> [WHAT THE TASK REQUIRES]
Go through the records below and return each line that has "inside" in it.

> [Records drawn from a dataset]
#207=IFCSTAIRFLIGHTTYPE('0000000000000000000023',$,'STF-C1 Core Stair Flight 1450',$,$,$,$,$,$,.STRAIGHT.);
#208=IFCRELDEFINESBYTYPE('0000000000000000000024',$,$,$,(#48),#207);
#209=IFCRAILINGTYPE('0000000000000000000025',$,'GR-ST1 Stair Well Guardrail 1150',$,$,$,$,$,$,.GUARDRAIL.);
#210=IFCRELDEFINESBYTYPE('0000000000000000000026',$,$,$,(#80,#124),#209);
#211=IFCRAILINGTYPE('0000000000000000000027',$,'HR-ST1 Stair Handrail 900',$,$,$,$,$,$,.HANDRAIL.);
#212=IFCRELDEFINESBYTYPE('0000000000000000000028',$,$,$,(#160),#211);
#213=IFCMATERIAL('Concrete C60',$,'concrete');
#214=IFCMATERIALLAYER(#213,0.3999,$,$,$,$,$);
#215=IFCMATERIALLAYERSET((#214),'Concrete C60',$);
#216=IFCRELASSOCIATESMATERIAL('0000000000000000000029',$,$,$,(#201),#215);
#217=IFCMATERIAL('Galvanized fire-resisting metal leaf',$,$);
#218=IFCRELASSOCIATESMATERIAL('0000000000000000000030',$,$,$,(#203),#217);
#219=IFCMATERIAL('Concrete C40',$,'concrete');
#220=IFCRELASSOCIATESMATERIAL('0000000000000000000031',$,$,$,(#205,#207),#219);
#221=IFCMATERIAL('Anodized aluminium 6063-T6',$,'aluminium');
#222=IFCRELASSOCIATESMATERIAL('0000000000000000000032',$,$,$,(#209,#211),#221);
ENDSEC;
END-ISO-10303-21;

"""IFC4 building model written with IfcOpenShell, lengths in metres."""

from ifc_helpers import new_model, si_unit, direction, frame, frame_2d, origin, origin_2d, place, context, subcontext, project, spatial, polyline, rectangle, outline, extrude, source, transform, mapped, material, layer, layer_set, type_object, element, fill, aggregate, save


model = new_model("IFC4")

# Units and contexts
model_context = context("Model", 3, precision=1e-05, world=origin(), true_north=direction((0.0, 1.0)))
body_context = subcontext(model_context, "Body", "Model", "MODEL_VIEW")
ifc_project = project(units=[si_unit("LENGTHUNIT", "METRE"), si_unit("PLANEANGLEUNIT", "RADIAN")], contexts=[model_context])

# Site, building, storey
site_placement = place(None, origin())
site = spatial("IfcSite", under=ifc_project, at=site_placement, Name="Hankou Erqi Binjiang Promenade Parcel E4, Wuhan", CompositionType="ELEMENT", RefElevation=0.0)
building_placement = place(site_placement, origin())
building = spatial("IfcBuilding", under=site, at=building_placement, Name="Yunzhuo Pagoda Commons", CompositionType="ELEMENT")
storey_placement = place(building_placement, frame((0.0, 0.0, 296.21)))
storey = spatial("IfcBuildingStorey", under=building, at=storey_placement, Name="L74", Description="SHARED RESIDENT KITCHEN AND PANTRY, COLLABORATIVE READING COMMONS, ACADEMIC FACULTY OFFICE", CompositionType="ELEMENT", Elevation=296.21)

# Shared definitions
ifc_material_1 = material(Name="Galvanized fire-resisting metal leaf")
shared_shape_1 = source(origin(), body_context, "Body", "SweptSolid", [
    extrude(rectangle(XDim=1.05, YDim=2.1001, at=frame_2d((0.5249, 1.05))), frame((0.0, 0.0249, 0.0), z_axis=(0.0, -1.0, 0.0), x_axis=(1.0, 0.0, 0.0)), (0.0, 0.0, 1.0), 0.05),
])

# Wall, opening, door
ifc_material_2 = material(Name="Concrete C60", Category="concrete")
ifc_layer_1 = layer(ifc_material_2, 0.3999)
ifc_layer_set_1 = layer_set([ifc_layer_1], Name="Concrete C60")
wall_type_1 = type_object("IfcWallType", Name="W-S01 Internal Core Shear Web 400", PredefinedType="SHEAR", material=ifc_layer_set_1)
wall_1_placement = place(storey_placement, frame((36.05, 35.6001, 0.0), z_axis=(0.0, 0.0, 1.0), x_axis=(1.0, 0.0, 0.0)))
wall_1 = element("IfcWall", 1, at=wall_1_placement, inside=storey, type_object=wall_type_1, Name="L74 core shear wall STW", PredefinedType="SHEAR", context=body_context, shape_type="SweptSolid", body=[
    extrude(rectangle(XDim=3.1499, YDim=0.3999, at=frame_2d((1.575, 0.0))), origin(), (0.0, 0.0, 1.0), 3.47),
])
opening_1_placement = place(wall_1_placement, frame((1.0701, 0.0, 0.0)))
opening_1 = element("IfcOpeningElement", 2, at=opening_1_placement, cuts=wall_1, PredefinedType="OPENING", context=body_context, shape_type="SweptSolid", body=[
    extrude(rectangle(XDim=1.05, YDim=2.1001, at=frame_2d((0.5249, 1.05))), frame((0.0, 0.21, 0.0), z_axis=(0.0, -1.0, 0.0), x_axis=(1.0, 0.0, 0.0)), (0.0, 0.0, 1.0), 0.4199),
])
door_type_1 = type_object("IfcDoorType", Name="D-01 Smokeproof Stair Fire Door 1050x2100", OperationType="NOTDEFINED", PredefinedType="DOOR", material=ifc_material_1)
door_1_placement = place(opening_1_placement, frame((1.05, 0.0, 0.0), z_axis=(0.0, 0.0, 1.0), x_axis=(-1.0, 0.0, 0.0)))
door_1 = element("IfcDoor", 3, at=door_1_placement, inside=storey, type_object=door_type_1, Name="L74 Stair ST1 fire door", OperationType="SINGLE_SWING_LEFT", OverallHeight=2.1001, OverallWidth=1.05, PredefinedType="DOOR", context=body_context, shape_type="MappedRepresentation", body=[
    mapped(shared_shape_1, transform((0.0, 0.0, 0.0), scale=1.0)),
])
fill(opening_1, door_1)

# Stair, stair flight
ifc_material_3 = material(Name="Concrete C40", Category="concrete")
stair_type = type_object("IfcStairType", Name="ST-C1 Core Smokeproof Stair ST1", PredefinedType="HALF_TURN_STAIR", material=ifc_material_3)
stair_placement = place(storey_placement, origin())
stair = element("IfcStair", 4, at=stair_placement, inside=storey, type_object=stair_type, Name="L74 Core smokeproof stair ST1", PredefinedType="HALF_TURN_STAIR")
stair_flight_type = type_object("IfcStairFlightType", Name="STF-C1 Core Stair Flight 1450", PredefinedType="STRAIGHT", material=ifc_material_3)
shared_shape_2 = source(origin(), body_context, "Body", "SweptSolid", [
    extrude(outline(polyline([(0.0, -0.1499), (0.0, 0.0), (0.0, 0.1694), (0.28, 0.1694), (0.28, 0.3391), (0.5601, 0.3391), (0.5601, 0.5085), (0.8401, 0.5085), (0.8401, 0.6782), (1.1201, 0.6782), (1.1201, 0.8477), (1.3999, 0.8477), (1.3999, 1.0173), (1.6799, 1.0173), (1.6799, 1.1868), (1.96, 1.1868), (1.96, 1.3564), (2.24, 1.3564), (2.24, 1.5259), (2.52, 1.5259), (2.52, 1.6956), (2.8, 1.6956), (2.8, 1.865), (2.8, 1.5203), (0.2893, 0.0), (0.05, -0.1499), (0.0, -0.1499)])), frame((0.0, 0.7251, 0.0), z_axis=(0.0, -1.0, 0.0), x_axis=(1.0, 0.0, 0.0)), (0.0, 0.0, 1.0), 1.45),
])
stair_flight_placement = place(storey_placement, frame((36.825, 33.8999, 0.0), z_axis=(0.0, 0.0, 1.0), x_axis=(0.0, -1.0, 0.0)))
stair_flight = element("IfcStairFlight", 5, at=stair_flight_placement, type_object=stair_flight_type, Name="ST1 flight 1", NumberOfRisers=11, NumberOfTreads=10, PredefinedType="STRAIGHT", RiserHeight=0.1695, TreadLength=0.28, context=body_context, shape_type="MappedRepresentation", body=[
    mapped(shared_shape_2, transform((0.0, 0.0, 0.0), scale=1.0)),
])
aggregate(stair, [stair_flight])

> [TASK OUTPUT]
wall_1 = element("IfcWall", 1, at=wall_1_placement, inside=storey, type_object=wall_type_1, Name="L74 core shear wall STW", PredefinedType="SHEAR", context=body_context, shape_type="SweptSolid", body=[
door_1 = element("IfcDoor", 3, at=door_1_placement, inside=storey, type_object=door_type_1, Name="L74 Stair ST1 fire door", OperationType="SINGLE_SWING_LEFT", OverallHeight=2.1001, OverallWidth=1.05, PredefinedType="DOOR", context=body_context, shape_type="MappedRepresentation", body=[
stair = element("IfcStair", 4, at=stair_placement, inside=storey, type_object=stair_type, Name="L74 Core smokeproof stair ST1", PredefinedType="HALF_TURN_STAIR")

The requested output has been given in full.